→ What the exercise asks
Look through the entries below and report every line that has "timber".

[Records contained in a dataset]

+-------+

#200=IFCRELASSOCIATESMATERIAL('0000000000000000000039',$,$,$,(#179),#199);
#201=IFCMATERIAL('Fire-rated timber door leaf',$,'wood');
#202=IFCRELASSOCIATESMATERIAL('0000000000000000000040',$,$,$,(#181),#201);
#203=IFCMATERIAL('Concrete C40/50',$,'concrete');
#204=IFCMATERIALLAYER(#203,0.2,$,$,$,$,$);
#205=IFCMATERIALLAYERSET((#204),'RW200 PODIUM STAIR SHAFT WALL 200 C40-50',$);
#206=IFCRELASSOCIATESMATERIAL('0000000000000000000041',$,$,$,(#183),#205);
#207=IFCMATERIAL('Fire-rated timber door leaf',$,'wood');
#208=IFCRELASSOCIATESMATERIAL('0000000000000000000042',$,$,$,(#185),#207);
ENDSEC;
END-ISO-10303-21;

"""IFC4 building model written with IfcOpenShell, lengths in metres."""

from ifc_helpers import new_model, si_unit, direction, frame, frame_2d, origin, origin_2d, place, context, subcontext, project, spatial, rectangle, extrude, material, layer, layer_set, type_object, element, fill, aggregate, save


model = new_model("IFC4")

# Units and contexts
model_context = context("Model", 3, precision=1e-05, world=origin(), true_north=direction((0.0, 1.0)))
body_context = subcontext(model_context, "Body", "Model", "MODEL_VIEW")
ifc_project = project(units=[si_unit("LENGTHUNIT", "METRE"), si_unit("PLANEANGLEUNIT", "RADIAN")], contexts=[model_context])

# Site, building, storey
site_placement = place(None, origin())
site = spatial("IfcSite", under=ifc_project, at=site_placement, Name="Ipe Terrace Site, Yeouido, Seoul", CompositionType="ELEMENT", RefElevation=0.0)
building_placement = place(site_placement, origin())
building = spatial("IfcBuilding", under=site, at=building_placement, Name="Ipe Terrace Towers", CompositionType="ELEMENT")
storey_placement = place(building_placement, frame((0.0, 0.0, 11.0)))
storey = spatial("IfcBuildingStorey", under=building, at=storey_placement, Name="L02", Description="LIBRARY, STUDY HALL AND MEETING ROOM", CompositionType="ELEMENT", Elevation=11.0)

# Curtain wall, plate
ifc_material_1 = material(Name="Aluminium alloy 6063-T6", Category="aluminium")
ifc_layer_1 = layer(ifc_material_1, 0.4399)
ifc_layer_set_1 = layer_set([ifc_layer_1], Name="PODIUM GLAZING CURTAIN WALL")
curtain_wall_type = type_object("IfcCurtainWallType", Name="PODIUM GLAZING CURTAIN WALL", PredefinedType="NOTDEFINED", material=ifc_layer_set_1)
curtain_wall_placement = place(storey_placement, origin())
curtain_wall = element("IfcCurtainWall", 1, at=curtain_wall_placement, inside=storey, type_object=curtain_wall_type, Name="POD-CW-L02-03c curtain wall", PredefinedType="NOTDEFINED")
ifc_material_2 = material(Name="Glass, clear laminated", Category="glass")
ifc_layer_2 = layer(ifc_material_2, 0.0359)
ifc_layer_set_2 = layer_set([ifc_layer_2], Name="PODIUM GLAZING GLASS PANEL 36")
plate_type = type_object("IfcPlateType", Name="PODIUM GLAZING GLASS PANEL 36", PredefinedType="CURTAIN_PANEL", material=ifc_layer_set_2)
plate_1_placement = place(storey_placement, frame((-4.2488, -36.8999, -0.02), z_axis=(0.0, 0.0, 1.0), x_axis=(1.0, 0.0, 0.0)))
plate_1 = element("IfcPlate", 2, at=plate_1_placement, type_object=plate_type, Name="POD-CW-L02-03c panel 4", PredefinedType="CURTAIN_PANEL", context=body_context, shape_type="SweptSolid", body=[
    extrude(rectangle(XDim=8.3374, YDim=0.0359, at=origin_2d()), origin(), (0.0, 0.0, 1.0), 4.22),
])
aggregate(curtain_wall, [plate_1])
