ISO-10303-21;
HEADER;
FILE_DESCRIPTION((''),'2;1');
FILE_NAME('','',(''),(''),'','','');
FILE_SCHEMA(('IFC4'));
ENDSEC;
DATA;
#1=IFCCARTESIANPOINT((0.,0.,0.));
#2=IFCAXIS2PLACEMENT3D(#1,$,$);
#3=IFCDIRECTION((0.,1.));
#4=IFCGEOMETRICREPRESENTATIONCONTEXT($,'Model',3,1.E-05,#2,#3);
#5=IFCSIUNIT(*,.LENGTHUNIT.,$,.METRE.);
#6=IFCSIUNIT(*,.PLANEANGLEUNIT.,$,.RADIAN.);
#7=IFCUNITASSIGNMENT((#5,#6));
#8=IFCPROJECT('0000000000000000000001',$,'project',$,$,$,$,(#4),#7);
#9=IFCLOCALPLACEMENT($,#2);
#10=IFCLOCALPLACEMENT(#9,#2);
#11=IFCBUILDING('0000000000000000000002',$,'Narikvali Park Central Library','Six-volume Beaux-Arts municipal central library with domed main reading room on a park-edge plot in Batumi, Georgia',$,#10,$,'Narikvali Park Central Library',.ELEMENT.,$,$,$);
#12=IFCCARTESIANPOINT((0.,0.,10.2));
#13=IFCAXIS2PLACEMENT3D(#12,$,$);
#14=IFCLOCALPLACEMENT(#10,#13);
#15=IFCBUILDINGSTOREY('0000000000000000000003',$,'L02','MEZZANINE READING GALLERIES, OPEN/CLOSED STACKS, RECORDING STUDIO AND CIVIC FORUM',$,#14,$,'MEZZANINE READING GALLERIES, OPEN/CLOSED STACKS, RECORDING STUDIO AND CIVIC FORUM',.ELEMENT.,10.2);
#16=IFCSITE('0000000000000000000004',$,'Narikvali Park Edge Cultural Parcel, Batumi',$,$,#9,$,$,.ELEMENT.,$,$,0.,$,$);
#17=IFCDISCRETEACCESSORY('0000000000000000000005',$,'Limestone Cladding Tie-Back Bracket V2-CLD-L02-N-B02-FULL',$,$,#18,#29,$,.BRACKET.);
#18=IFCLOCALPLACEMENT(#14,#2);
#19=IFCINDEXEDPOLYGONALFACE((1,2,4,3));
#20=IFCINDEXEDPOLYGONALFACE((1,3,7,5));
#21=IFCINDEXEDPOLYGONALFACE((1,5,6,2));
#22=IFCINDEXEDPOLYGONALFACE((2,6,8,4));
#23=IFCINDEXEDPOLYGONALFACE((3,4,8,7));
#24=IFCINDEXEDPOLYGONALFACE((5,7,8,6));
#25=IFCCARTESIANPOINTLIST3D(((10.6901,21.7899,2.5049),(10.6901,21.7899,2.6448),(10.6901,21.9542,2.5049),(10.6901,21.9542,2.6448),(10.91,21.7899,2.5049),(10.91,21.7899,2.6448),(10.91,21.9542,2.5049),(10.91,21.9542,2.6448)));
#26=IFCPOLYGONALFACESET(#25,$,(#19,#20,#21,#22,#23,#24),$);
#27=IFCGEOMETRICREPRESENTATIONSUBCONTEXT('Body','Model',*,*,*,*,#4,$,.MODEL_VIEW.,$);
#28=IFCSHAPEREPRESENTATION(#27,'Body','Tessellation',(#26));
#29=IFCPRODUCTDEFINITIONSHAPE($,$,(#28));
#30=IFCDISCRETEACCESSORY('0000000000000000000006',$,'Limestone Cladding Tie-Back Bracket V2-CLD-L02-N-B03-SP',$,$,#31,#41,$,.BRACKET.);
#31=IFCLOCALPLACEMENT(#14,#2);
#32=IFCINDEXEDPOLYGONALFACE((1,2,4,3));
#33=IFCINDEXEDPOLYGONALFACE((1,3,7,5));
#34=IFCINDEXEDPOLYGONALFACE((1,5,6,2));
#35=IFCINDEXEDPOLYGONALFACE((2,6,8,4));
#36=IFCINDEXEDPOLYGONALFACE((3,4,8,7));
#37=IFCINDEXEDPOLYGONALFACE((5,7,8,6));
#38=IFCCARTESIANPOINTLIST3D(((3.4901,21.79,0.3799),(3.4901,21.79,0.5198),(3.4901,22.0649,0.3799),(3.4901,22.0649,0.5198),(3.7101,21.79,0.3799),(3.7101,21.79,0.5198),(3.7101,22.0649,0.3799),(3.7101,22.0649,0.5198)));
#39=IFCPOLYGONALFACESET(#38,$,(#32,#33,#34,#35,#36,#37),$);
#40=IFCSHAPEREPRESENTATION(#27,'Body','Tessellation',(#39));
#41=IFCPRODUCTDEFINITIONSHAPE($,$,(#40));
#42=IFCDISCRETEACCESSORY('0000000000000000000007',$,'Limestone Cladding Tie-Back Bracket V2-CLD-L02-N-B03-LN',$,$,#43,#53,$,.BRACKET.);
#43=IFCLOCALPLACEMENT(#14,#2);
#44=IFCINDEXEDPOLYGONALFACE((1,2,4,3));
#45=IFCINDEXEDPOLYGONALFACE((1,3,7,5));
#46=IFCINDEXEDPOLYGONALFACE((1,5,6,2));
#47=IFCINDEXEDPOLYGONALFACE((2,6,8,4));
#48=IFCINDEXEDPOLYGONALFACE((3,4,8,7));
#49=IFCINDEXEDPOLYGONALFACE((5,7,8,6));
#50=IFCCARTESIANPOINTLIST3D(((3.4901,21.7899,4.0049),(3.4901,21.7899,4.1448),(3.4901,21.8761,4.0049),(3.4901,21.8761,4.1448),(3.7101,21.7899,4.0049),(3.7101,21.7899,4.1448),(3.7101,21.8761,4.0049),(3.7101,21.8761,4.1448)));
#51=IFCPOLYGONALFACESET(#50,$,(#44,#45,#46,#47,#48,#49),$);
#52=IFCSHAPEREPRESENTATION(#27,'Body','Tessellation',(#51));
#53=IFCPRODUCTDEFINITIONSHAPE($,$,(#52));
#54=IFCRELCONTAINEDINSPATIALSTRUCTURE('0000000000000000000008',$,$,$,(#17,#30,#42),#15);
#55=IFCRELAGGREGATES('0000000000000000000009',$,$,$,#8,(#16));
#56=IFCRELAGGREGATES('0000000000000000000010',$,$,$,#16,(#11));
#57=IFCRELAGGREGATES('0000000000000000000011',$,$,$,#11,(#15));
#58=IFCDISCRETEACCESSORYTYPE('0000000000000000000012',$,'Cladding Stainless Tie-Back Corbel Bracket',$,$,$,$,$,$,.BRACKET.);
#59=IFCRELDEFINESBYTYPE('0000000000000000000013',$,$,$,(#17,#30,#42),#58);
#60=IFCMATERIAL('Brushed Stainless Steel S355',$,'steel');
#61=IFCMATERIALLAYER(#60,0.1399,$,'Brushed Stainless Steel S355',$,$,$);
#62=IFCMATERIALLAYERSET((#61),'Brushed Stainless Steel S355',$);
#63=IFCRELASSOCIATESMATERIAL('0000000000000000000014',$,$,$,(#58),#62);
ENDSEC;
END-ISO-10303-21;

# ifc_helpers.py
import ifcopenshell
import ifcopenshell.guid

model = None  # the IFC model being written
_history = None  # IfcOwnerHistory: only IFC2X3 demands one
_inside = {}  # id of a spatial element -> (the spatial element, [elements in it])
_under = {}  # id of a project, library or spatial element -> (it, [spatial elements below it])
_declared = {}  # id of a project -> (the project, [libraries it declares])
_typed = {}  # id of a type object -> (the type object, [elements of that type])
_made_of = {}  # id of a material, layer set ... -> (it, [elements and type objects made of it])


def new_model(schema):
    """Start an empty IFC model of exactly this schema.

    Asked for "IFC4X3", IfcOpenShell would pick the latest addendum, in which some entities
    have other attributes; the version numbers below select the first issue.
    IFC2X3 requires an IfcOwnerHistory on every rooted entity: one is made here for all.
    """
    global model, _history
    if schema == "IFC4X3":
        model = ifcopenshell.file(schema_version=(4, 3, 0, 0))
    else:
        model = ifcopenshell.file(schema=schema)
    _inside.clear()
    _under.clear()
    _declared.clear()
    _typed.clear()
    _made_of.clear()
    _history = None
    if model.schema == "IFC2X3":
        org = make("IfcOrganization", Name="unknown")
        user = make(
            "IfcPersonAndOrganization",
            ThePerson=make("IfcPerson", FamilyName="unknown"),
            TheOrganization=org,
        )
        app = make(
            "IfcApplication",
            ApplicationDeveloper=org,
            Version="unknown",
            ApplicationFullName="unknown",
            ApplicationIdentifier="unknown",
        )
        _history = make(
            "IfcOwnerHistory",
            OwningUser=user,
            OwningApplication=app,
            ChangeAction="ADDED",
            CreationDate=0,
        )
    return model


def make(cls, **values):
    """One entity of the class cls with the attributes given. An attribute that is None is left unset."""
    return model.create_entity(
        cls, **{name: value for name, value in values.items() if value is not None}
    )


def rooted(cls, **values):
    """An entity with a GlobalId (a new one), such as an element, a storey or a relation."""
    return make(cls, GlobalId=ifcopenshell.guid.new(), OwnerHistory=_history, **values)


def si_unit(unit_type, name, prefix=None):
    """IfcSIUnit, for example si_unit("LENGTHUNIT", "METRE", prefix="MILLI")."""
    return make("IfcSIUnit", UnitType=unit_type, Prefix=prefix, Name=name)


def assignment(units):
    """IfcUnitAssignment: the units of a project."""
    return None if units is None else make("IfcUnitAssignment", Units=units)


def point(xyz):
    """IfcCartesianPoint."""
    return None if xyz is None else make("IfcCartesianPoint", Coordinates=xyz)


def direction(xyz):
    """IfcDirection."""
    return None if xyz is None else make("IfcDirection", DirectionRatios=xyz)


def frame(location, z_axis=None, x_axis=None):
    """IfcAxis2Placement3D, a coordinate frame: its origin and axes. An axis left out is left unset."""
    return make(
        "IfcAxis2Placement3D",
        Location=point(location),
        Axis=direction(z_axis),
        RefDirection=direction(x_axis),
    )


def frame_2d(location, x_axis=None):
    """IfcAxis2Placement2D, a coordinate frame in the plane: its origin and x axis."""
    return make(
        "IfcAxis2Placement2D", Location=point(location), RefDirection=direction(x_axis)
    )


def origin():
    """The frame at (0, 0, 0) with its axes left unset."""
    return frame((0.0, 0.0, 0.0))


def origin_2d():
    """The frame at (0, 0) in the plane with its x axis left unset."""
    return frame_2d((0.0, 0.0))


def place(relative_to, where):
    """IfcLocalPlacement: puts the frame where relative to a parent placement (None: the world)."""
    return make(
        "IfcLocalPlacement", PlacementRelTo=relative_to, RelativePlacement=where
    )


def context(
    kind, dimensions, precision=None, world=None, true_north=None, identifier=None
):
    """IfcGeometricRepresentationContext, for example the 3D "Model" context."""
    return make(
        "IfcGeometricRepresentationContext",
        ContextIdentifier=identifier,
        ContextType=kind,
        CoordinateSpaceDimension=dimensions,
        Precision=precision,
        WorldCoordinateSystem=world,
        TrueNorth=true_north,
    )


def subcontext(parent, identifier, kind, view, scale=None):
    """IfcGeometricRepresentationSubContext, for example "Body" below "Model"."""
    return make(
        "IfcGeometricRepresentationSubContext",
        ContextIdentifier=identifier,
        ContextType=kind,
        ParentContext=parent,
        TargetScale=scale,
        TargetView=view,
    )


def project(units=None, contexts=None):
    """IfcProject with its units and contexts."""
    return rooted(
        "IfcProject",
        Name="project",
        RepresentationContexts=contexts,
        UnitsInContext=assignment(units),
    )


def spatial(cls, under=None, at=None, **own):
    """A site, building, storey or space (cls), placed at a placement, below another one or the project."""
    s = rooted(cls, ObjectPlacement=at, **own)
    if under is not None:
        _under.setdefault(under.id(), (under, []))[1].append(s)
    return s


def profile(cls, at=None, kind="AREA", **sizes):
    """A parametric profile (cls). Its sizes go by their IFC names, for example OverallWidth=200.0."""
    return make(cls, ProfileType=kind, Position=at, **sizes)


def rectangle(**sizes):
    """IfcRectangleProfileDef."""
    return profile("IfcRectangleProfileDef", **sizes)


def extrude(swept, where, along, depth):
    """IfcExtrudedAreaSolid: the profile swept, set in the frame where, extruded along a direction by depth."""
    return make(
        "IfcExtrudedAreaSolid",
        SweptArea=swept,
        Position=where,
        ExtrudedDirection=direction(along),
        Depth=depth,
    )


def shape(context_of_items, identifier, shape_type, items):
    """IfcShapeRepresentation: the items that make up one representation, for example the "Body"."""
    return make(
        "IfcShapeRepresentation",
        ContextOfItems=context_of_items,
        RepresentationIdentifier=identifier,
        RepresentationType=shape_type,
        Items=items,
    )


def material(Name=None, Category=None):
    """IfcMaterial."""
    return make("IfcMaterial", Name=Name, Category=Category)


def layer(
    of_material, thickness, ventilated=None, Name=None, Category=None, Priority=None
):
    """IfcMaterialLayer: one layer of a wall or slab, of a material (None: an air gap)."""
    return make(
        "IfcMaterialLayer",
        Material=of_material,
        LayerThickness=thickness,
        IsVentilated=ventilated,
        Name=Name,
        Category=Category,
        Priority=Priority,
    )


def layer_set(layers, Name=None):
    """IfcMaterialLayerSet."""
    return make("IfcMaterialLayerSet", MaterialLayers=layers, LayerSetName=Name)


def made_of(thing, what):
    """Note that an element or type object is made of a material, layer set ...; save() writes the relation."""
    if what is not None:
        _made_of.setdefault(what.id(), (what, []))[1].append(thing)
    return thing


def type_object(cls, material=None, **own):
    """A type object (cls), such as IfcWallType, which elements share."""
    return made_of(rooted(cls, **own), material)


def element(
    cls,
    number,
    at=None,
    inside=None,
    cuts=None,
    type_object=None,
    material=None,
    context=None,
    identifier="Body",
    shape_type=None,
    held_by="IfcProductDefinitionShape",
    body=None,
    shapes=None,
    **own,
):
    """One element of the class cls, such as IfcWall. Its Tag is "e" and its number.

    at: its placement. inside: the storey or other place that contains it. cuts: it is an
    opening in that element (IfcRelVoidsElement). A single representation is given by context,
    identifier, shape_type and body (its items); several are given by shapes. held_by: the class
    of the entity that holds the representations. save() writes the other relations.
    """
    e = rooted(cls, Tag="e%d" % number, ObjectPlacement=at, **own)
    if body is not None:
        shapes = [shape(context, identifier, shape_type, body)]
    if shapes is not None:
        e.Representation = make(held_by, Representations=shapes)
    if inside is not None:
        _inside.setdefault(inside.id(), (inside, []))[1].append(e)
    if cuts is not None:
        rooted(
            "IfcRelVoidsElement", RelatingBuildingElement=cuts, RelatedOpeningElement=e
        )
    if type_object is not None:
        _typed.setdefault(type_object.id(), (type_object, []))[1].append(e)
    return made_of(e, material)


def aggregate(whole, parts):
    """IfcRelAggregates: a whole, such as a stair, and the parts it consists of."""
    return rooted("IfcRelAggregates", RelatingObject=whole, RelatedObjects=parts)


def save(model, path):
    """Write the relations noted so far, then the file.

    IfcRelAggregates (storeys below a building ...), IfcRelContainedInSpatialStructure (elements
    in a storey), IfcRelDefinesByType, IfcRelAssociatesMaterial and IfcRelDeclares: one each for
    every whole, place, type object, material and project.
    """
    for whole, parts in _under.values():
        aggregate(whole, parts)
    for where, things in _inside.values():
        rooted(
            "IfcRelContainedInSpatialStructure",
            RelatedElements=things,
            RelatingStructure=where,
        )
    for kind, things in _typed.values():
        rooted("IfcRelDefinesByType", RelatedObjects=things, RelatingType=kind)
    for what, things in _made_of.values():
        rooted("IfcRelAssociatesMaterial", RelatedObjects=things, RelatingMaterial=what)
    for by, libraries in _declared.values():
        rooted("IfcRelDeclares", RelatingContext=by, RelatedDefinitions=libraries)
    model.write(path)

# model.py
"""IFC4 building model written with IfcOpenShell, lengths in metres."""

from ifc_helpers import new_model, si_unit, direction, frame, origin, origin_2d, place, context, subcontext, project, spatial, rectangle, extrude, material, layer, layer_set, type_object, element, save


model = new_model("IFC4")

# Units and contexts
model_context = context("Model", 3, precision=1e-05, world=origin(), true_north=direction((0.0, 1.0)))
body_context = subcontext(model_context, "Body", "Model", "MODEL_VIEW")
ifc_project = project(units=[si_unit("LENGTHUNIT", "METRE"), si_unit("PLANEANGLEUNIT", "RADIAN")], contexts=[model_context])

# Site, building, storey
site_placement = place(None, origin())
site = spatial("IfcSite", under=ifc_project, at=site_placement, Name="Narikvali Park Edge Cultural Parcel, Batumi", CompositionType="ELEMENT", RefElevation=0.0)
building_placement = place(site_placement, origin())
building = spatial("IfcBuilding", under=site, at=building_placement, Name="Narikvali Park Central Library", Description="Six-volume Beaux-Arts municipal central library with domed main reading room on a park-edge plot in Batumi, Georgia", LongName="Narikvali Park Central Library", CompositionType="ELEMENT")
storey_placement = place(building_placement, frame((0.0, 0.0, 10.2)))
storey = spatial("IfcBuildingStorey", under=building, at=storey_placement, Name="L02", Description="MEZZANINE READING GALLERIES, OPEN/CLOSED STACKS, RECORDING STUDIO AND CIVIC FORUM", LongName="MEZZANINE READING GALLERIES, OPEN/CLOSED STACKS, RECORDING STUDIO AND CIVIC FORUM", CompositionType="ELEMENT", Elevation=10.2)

+-------+

→ Solution for this task
#201=IFCMATERIAL('Fire-rated timber door leaf',$,'wood');
#207=IFCMATERIAL('Fire-rated timber door leaf',$,'wood');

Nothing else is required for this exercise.